Work to be completed » From the records below, print exactly the lines starting at the one containing "#142=IFCINDEXEDPOLYGONALFACE((1,2,4,3));" and ending at the one containing "#164=IFCINDEXEDPOLYGONALFACE((39,40,42,41));", ends included, and nothing else.
Extracted data Block Start
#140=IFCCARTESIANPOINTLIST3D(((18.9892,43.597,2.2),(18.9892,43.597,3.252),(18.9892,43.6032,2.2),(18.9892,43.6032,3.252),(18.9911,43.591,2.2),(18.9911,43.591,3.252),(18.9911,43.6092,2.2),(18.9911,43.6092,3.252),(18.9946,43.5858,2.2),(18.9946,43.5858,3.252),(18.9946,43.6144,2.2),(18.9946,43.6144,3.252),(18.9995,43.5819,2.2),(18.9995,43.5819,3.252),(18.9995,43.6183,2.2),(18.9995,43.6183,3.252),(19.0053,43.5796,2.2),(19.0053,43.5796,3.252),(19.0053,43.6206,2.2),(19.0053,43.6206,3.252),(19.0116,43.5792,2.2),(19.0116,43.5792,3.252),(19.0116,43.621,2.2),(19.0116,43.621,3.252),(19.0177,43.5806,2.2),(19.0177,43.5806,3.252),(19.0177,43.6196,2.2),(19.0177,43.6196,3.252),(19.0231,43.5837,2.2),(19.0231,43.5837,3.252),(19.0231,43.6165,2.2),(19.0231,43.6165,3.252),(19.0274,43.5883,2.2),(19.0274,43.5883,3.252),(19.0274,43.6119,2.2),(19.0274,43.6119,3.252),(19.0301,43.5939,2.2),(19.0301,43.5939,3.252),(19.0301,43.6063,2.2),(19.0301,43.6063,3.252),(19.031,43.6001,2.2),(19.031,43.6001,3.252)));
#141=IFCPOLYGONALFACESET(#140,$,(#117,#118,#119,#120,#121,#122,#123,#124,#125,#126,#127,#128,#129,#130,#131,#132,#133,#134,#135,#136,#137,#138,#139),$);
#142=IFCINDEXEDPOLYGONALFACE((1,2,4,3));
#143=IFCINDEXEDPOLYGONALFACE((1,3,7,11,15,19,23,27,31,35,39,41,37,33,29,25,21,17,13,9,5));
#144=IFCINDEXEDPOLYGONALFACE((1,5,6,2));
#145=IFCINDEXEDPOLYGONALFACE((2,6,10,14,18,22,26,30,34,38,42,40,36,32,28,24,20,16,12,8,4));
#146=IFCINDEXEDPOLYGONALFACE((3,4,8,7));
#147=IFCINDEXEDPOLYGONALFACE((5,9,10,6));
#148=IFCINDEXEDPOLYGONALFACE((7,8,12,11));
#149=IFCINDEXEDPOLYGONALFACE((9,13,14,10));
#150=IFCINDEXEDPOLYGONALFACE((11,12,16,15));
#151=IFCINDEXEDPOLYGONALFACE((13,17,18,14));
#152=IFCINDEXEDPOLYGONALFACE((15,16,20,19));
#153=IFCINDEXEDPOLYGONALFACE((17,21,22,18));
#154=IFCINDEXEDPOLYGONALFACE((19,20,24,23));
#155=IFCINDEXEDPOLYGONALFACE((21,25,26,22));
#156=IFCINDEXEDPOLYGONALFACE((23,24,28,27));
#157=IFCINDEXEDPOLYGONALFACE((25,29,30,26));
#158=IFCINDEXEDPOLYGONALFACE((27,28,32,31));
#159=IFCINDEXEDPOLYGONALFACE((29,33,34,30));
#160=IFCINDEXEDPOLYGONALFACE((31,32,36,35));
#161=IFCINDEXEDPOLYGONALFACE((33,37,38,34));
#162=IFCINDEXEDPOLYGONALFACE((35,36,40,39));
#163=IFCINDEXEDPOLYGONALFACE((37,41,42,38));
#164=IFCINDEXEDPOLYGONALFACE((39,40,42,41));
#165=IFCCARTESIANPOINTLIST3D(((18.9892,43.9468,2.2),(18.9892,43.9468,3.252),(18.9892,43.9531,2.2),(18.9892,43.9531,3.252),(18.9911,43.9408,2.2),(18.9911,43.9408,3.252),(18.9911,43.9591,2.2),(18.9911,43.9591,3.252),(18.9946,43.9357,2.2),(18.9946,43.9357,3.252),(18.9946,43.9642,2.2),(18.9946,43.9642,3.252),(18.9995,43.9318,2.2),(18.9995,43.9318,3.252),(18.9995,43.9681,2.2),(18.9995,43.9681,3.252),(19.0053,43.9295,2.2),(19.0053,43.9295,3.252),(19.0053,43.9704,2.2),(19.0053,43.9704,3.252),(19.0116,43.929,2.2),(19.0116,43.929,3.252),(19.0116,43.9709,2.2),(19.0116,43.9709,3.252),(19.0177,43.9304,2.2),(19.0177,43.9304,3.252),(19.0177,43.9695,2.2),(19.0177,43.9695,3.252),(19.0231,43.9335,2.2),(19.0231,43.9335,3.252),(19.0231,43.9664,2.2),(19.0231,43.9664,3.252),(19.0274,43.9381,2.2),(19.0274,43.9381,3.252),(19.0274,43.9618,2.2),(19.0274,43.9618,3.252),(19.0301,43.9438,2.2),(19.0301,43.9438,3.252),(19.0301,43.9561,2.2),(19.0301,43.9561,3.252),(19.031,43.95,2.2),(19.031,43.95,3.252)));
Extracted data Block End
Response to this task »
#142=IFCINDEXEDPOLYGONALFACE((1,2,4,3));
#143=IFCINDEXEDPOLYGONALFACE((1,3,7,11,15,19,23,27,31,35,39,41,37,33,29,25,21,17,13,9,5));
#144=IFCINDEXEDPOLYGONALFACE((1,5,6,2));
#145=IFCINDEXEDPOLYGONALFACE((2,6,10,14,18,22,26,30,34,38,42,40,36,32,28,24,20,16,12,8,4));
#146=IFCINDEXEDPOLYGONALFACE((3,4,8,7));
#147=IFCINDEXEDPOLYGONALFACE((5,9,10,6));
#148=IFCINDEXEDPOLYGONALFACE((7,8,12,11));
#149=IFCINDEXEDPOLYGONALFACE((9,13,14,10));
#150=IFCINDEXEDPOLYGONALFACE((11,12,16,15));
#151=IFCINDEXEDPOLYGONALFACE((13,17,18,14));
#152=IFCINDEXEDPOLYGONALFACE((15,16,20,19));
#153=IFCINDEXEDPOLYGONALFACE((17,21,22,18));
#154=IFCINDEXEDPOLYGONALFACE((19,20,24,23));
#155=IFCINDEXEDPOLYGONALFACE((21,25,26,22));
#156=IFCINDEXEDPOLYGONALFACE((23,24,28,27));
#157=IFCINDEXEDPOLYGONALFACE((25,29,30,26));
#158=IFCINDEXEDPOLYGONALFACE((27,28,32,31));
#159=IFCINDEXEDPOLYGONALFACE((29,33,34,30));
#160=IFCINDEXEDPOLYGONALFACE((31,32,36,35));
#161=IFCINDEXEDPOLYGONALFACE((33,37,38,34));
#162=IFCINDEXEDPOLYGONALFACE((35,36,40,39));
#163=IFCINDEXEDPOLYGONALFACE((37,41,42,38));
#164=IFCINDEXEDPOLYGONALFACE((39,40,42,41));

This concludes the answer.